Nothing outside the range is wanted. Repeat exactly the lines below from the one with "#49=IFCLOCALPLACEMENT(#14,#2);" through the one with "#79=IFCINDEXEDPOLYGONALFACE((5,7,8,6));".

┌────────

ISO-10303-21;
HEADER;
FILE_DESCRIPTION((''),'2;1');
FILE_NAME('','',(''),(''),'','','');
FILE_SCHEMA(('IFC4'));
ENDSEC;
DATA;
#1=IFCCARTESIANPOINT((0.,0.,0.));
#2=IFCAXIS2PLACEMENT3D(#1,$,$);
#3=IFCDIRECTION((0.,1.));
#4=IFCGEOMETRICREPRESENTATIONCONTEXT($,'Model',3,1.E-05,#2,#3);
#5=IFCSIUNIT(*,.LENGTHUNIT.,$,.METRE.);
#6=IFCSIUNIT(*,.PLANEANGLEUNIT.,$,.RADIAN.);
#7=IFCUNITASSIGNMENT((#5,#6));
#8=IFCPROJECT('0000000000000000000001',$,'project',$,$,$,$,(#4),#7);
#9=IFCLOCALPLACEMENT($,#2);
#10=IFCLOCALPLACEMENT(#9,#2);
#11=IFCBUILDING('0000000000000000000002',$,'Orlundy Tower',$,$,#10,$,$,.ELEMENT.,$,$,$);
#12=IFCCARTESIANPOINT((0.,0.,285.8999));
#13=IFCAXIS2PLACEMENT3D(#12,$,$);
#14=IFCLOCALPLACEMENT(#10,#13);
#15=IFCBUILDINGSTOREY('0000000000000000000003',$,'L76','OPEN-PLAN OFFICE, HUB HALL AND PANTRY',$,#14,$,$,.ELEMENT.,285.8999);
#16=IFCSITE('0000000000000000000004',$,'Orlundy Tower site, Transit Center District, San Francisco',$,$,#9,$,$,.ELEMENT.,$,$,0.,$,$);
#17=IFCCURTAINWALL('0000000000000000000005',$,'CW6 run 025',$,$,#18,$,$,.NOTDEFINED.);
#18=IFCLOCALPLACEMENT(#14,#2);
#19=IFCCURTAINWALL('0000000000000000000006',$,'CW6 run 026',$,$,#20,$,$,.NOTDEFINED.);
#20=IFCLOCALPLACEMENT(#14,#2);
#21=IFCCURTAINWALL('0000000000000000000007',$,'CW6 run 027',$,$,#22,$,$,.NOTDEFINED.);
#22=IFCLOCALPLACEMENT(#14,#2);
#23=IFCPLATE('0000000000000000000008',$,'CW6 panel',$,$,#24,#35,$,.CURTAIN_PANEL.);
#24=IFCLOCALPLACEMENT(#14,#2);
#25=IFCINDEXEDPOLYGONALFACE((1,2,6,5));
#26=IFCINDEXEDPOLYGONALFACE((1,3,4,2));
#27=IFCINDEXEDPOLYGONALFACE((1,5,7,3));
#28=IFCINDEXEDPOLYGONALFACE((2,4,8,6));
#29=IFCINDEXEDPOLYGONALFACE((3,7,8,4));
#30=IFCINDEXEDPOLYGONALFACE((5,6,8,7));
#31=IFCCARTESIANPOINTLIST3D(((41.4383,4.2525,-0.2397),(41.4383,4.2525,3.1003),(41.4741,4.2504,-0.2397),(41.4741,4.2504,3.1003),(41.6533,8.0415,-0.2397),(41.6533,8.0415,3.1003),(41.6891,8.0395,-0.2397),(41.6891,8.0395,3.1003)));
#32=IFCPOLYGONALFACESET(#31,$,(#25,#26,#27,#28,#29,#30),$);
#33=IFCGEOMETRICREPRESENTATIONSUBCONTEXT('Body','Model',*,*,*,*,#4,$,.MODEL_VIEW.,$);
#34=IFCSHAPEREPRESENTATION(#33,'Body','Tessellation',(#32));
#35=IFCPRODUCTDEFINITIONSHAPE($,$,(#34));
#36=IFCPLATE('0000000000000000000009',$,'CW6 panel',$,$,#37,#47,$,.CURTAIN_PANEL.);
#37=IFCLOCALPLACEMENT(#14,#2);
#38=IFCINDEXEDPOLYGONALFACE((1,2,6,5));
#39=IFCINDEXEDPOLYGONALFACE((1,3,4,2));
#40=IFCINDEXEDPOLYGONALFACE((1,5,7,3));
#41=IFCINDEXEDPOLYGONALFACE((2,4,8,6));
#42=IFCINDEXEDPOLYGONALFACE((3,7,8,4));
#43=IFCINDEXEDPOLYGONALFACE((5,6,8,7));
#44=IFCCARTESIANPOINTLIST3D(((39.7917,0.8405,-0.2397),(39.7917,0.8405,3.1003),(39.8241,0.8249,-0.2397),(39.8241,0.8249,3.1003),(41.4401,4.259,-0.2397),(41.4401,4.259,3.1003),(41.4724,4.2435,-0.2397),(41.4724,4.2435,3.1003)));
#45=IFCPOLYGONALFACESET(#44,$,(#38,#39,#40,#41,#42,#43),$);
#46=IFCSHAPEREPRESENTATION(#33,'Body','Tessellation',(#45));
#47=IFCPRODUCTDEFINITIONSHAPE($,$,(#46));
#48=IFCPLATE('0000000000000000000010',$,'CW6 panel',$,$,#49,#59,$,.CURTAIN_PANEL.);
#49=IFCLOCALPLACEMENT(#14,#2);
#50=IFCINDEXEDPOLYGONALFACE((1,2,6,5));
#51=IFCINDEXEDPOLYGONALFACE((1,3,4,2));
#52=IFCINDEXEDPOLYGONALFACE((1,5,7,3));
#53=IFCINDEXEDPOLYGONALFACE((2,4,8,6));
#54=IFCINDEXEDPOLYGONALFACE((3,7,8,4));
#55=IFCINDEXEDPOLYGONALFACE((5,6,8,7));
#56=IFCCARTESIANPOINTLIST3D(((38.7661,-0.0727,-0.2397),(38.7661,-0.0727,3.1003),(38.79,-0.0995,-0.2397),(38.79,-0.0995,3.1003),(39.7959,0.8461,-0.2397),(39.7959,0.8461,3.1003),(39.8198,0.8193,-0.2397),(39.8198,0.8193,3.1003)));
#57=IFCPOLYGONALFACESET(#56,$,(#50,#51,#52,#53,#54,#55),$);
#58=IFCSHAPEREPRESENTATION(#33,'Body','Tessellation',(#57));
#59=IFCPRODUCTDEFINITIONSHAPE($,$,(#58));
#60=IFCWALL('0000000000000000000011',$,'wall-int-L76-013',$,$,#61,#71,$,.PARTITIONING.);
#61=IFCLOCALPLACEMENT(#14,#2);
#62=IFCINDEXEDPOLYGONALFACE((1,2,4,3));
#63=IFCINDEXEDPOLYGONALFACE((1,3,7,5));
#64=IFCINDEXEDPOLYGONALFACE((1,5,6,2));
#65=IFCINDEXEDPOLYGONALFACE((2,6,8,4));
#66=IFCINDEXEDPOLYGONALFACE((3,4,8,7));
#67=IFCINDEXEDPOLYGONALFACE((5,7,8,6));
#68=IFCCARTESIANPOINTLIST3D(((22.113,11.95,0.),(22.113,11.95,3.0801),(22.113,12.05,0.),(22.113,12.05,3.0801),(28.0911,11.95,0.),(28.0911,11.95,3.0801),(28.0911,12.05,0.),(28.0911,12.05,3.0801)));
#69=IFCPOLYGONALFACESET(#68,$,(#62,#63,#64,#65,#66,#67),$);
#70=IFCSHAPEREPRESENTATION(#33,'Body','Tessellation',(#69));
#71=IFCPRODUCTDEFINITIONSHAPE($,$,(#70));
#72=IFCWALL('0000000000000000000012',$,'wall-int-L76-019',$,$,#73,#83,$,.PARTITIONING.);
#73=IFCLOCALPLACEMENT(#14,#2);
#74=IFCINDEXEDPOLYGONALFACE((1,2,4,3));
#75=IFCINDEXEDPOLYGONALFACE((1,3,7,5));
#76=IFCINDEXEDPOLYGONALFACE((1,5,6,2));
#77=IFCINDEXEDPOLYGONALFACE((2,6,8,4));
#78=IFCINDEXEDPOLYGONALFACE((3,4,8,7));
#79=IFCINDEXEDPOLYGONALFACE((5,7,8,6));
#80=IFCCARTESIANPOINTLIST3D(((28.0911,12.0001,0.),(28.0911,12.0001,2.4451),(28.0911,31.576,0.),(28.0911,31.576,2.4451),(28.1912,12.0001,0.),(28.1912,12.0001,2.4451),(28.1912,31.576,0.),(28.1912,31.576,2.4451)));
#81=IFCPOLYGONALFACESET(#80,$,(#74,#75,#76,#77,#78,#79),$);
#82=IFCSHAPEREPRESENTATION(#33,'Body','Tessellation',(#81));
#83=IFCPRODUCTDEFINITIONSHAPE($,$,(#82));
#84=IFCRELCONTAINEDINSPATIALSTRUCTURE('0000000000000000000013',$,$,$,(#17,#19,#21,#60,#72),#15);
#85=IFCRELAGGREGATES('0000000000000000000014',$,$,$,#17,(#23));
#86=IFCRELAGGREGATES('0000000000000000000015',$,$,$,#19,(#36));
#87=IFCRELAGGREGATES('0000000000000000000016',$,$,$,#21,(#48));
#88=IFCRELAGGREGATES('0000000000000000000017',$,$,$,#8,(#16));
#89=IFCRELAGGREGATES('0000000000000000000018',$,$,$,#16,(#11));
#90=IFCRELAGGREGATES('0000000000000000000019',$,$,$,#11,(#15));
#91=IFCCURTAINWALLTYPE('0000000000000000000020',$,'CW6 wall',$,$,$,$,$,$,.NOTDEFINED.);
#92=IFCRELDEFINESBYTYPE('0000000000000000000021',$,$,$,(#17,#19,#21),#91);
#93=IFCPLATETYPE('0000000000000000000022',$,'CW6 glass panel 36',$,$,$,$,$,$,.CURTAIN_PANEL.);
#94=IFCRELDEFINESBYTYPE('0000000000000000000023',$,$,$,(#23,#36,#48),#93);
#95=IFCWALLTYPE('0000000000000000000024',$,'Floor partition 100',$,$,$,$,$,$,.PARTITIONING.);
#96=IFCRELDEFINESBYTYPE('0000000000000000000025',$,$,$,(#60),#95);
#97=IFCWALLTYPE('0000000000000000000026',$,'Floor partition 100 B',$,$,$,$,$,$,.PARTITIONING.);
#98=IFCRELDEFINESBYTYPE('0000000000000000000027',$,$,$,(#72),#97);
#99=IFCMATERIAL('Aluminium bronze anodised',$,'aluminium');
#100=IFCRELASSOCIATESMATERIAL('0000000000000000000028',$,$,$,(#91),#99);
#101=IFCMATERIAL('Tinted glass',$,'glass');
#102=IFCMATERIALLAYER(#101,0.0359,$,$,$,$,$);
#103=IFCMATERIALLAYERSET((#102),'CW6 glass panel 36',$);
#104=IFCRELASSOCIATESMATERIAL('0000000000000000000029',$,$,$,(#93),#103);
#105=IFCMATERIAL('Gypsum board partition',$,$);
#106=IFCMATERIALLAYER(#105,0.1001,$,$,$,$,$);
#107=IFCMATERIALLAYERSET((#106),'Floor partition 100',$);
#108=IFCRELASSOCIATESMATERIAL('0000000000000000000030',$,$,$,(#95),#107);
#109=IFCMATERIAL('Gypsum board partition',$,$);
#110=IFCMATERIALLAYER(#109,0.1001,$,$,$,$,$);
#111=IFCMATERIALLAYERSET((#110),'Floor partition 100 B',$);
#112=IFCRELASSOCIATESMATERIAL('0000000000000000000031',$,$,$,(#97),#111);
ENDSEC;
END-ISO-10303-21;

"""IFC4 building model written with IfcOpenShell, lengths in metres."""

from ifc_helpers import new_model, si_unit, direction, frame, frame_2d, origin, origin_2d, place, context, subcontext, project, spatial, rectangle, extrude, material, layer, layer_set, type_object, element, aggregate, save


model = new_model("IFC4")

# Units and contexts
model_context = context("Model", 3, precision=1e-05, world=origin(), true_north=direction((0.0, 1.0)))
body_context = subcontext(model_context, "Body", "Model", "MODEL_VIEW")
ifc_project = project(units=[si_unit("LENGTHUNIT", "METRE"), si_unit("PLANEANGLEUNIT", "RADIAN")], contexts=[model_context])

# Site, building, storey
site_placement = place(None, origin())
site = spatial("IfcSite", under=ifc_project, at=site_placement, Name="Orlundy Tower site, Transit Center District, San Francisco", CompositionType="ELEMENT", RefElevation=0.0)
building_placement = place(site_placement, origin())
building = spatial("IfcBuilding", under=site, at=building_placement, Name="Orlundy Tower", CompositionType="ELEMENT")
storey_placement = place(building_placement, frame((0.0, 0.0, 285.8999)))
storey = spatial("IfcBuildingStorey", under=building, at=storey_placement, Name="L76", Description="OPEN-PLAN OFFICE, HUB HALL AND PANTRY", CompositionType="ELEMENT", Elevation=285.8999)

# Curtain walls
ifc_material_1 = material(Name="Aluminium bronze anodised", Category="aluminium")
curtain_wall_type = type_object("IfcCurtainWallType", Name="CW6 wall", PredefinedType="NOTDEFINED", material=ifc_material_1)
curtain_wall_1_placement = place(storey_placement, origin())
curtain_wall_1 = element("IfcCurtainWall", 1, at=curtain_wall_1_placement, inside=storey, type_object=curtain_wall_type, Name="CW6 run 025", PredefinedType="NOTDEFINED")
curtain_wall_2_placement = place(storey_placement, origin())
curtain_wall_2 = element("IfcCurtainWall", 2, at=curtain_wall_2_placement, inside=storey, type_object=curtain_wall_type, Name="CW6 run 026", PredefinedType="NOTDEFINED")
curtain_wall_3_placement = place(storey_placement, origin())
curtain_wall_3 = element("IfcCurtainWall", 3, at=curtain_wall_3_placement, inside=storey, type_object=curtain_wall_type, Name="CW6 run 027", PredefinedType="NOTDEFINED")

# Plates
ifc_material_2 = material(Name="Tinted glass", Category="glass")
ifc_layer_1 = layer(ifc_material_2, 0.0359)
ifc_layer_set_1 = layer_set([ifc_layer_1], Name="CW6 glass panel 36")
plate_type = type_object("IfcPlateType", Name="CW6 glass panel 36", PredefinedType="CURTAIN_PANEL", material=ifc_layer_set_1)
plate_1_placement = place(storey_placement, frame((41.5637, 6.146, -0.2397), z_axis=(0.0, 0.0, 1.0), x_axis=(-0.05665, -0.998394, 0.0)))
plate_1 = element("IfcPlate", 4, at=plate_1_placement, type_object=plate_type, Name="CW6 panel", PredefinedType="CURTAIN_PANEL", context=body_context, shape_type="SweptSolid", body=[
    extrude(rectangle(XDim=3.7952, YDim=0.0359, at=origin_2d()), origin(), (0.0, 0.0, 1.0), 3.3401),
])
aggregate(curtain_wall_1, [plate_1])
plate_2_placement = place(storey_placement, frame((40.6321, 2.542, -0.2397), z_axis=(0.0, 0.0, 1.0), x_axis=(-0.434327, -0.900755, 0.0)))
plate_2 = element("IfcPlate", 5, at=plate_2_placement, type_object=plate_type, Name="CW6 panel", PredefinedType="CURTAIN_PANEL", context=body_context, shape_type="SweptSolid", body=[
    extrude(rectangle(XDim=3.7952, YDim=0.0359, at=origin_2d()), origin(), (0.0, 0.0, 1.0), 3.3401),
])
aggregate(curtain_wall_2, [plate_2])
plate_3_placement = place(storey_placement, frame((39.293, 0.3733, -0.2397), z_axis=(0.0, 0.0, 1.0), x_axis=(-0.746158, -0.665769, 0.0)))
plate_3 = element("IfcPlate", 6, at=plate_3_placement, type_object=plate_type, Name="CW6 panel", PredefinedType="CURTAIN_PANEL", context=body_context, shape_type="SweptSolid", body=[
    extrude(rectangle(XDim=1.3801, YDim=0.0359, at=origin_2d()), origin(), (0.0, 0.0, 1.0), 3.3401),
])
aggregate(curtain_wall_3, [plate_3])

# Walls
ifc_material_3 = material(Name="Gypsum board partition")
ifc_layer_2 = layer(ifc_material_3, 0.1001)
ifc_layer_set_2 = layer_set([ifc_layer_2], Name="Floor partition 100")
wall_type_1 = type_object("IfcWallType", Name="Floor partition 100", PredefinedType="PARTITIONING", material=ifc_layer_set_2)
wall_1_placement = place(storey_placement, frame((22.113, 12.0, 0.0), z_axis=(0.0, 0.0, 1.0), x_axis=(1.0, 0.0, 0.0)))
element("IfcWall", 7, at=wall_1_placement, inside=storey, type_object=wall_type_1, Name="wall-int-L76-013", PredefinedType="PARTITIONING", context=body_context, shape_type="SweptSolid", body=[
    extrude(rectangle(XDim=5.978, YDim=0.1001, at=frame_2d((2.989, 0.0))), origin(), (0.0, 0.0, 1.0), 3.0801),
])
ifc_material_4 = material(Name="Gypsum board partition")
ifc_layer_3 = layer(ifc_material_4, 0.1001)
ifc_layer_set_3 = layer_set([ifc_layer_3], Name="Floor partition 100 B")
wall_type_2 = type_object("IfcWallType", Name="Floor partition 100 B", PredefinedType="PARTITIONING", material=ifc_layer_set_3)
wall_2_placement = place(storey_placement, frame((28.1411, 12.0, 0.0), z_axis=(0.0, 0.0, 1.0), x_axis=(0.0, 1.0, 0.0)))
element("IfcWall", 8, at=wall_2_placement, inside=storey, type_object=wall_type_2, Name="wall-int-L76-019", PredefinedType="PARTITIONING", context=body_context, shape_type="SweptSolid", body=[
    extrude(rectangle(XDim=19.5759, YDim=0.1001, at=frame_2d((9.7881, 0.0))), origin(), (0.0, 0.0, 1.0), 2.4451),
])

save(model, "model.ifc")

└────────

TASK SOLUTION:
#49=IFCLOCALPLACEMENT(#14,#2);
#50=IFCINDEXEDPOLYGONALFACE((1,2,6,5));
#51=IFCINDEXEDPOLYGONALFACE((1,3,4,2));
#52=IFCINDEXEDPOLYGONALFACE((1,5,7,3));
#53=IFCINDEXEDPOLYGONALFACE((2,4,8,6));
#54=IFCINDEXEDPOLYGONALFACE((3,7,8,4));
#55=IFCINDEXEDPOLYGONALFACE((5,6,8,7));
#56=IFCCARTESIANPOINTLIST3D(((38.7661,-0.0727,-0.2397),(38.7661,-0.0727,3.1003),(38.79,-0.0995,-0.2397),(38.79,-0.0995,3.1003),(39.7959,0.8461,-0.2397),(39.7959,0.8461,3.1003),(39.8198,0.8193,-0.2397),(39.8198,0.8193,3.1003)));
#57=IFCPOLYGONALFACESET(#56,$,(#50,#51,#52,#53,#54,#55),$);
#58=IFCSHAPEREPRESENTATION(#33,'Body','Tessellation',(#57));
#59=IFCPRODUCTDEFINITIONSHAPE($,$,(#58));
#60=IFCWALL('0000000000000000000011',$,'wall-int-L76-013',$,$,#61,#71,$,.PARTITIONING.);
#61=IFCLOCALPLACEMENT(#14,#2);
#62=IFCINDEXEDPOLYGONALFACE((1,2,4,3));
#63=IFCINDEXEDPOLYGONALFACE((1,3,7,5));
#64=IFCINDEXEDPOLYGONALFACE((1,5,6,2));
#65=IFCINDEXEDPOLYGONALFACE((2,6,8,4));
#66=IFCINDEXEDPOLYGONALFACE((3,4,8,7));
#67=IFCINDEXEDPOLYGONALFACE((5,7,8,6));
#68=IFCCARTESIANPOINTLIST3D(((22.113,11.95,0.),(22.113,11.95,3.0801),(22.113,12.05,0.),(22.113,12.05,3.0801),(28.0911,11.95,0.),(28.0911,11.95,3.0801),(28.0911,12.05,0.),(28.0911,12.05,3.0801)));
#69=IFCPOLYGONALFACESET(#68,$,(#62,#63,#64,#65,#66,#67),$);
#70=IFCSHAPEREPRESENTATION(#33,'Body','Tessellation',(#69));
#71=IFCPRODUCTDEFINITIONSHAPE($,$,(#70));
#72=IFCWALL('0000000000000000000012',$,'wall-int-L76-019',$,$,#73,#83,$,.PARTITIONING.);
#73=IFCLOCALPLACEMENT(#14,#2);
#74=IFCINDEXEDPOLYGONALFACE((1,2,4,3));
#75=IFCINDEXEDPOLYGONALFACE((1,3,7,5));
#76=IFCINDEXEDPOLYGONALFACE((1,5,6,2));
#77=IFCINDEXEDPOLYGONALFACE((2,6,8,4));
#78=IFCINDEXEDPOLYGONALFACE((3,4,8,7));
#79=IFCINDEXEDPOLYGONALFACE((5,7,8,6));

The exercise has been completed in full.